§ **Task instructions**
Please return only the lines from the one holding "#40=IFCINDEXEDPOLYGONALFACE((37,38,42,41));" through the one holding "#45=IFCINDEXEDPOLYGONALFACE((47,51,52,48));", exactly as they appear in the records below, both ends included.

§ **Saved data entries**

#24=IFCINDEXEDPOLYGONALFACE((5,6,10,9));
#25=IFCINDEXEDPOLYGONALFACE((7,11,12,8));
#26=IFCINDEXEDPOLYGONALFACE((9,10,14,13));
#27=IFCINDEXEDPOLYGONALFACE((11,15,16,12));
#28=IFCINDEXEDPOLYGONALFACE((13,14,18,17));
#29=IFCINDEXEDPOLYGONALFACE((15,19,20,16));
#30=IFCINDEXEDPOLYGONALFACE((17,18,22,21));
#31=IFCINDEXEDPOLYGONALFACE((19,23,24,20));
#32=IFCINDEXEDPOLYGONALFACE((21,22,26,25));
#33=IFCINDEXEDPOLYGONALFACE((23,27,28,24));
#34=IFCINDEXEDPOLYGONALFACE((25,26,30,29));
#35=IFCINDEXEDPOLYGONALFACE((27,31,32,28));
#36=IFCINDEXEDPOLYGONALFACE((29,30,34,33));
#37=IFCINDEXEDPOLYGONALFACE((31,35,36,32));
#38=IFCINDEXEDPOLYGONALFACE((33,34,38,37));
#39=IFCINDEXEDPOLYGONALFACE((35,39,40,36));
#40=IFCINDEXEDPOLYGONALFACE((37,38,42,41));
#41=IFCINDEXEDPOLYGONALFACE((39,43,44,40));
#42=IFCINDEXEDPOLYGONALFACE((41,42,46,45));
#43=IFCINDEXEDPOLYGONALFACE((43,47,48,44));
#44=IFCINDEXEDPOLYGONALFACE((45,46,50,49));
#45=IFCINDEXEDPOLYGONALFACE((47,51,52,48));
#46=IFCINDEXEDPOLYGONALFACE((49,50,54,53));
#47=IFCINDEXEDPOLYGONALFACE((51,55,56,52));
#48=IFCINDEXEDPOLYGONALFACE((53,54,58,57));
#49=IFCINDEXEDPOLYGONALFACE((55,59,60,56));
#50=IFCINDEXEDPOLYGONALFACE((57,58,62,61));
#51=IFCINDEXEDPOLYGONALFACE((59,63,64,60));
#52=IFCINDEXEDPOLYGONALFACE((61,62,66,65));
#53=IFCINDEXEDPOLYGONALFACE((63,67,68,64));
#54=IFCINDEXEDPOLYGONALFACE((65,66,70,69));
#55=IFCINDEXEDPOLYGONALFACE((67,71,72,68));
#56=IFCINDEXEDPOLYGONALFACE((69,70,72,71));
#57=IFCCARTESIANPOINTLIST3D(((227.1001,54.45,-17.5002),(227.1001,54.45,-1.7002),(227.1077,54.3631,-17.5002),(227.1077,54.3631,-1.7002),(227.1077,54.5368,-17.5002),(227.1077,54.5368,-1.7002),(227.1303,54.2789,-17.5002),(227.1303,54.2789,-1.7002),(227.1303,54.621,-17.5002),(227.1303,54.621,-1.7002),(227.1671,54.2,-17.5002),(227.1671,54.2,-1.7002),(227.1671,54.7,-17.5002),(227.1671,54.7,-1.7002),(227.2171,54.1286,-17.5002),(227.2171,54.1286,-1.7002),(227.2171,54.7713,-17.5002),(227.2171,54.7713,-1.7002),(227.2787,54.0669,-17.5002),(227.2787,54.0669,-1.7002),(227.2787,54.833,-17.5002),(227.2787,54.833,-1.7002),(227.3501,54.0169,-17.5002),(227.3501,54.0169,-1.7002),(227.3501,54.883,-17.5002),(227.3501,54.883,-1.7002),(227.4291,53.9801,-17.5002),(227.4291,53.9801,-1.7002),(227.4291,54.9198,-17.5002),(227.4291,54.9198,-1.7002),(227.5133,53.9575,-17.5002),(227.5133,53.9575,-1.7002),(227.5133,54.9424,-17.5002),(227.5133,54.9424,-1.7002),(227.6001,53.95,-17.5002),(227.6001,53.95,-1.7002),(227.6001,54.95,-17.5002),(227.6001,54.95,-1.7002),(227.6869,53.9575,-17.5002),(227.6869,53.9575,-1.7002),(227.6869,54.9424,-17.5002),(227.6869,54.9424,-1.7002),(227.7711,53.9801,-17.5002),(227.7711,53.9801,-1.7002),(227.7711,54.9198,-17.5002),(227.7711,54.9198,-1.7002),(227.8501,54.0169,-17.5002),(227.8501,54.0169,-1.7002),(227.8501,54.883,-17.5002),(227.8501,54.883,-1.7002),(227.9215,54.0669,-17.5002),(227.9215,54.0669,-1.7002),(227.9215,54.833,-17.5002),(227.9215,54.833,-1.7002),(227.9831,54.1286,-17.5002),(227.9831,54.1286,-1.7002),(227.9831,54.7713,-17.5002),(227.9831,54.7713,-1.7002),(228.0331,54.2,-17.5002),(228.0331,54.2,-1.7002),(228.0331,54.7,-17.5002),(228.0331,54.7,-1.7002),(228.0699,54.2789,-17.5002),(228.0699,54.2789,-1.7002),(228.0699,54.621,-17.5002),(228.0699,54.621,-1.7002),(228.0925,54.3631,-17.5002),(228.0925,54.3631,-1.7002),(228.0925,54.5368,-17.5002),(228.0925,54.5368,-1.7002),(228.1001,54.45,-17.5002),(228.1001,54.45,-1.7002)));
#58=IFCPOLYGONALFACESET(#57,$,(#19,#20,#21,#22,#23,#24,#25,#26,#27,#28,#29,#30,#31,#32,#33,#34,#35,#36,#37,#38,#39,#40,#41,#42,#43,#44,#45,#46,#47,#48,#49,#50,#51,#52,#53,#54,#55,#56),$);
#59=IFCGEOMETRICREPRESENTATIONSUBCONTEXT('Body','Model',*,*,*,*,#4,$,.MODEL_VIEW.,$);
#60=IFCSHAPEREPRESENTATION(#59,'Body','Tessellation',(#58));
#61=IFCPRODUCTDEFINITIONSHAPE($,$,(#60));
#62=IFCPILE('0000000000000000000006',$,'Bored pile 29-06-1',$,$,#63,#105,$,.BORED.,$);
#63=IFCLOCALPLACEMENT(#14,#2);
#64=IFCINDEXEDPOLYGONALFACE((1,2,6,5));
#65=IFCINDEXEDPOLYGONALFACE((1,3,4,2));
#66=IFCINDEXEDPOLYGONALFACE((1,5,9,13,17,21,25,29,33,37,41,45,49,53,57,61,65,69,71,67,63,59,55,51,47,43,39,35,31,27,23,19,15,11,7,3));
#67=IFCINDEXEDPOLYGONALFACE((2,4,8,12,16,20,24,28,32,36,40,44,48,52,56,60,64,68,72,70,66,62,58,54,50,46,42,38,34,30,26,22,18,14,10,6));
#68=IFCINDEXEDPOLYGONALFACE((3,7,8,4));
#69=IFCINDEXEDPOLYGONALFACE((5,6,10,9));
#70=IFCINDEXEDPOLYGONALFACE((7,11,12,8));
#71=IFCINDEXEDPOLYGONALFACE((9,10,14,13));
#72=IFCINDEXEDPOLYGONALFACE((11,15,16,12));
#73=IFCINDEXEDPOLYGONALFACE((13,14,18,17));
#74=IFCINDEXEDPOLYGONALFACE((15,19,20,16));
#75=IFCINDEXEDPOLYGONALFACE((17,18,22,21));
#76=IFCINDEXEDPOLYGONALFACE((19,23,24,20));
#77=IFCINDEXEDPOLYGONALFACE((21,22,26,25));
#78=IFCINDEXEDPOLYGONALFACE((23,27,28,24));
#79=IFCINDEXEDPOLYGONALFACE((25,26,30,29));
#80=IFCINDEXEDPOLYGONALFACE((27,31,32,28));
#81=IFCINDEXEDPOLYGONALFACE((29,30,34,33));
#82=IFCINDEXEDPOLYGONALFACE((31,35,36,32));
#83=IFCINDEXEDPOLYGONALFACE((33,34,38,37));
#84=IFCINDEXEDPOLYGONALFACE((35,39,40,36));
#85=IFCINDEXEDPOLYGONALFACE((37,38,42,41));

§ **Task response**
#40=IFCINDEXEDPOLYGONALFACE((37,38,42,41));
#41=IFCINDEXEDPOLYGONALFACE((39,43,44,40));
#42=IFCINDEXEDPOLYGONALFACE((41,42,46,45));
#43=IFCINDEXEDPOLYGONALFACE((43,47,48,44));
#44=IFCINDEXEDPOLYGONALFACE((45,46,50,49));
#45=IFCINDEXEDPOLYGONALFACE((47,51,52,48));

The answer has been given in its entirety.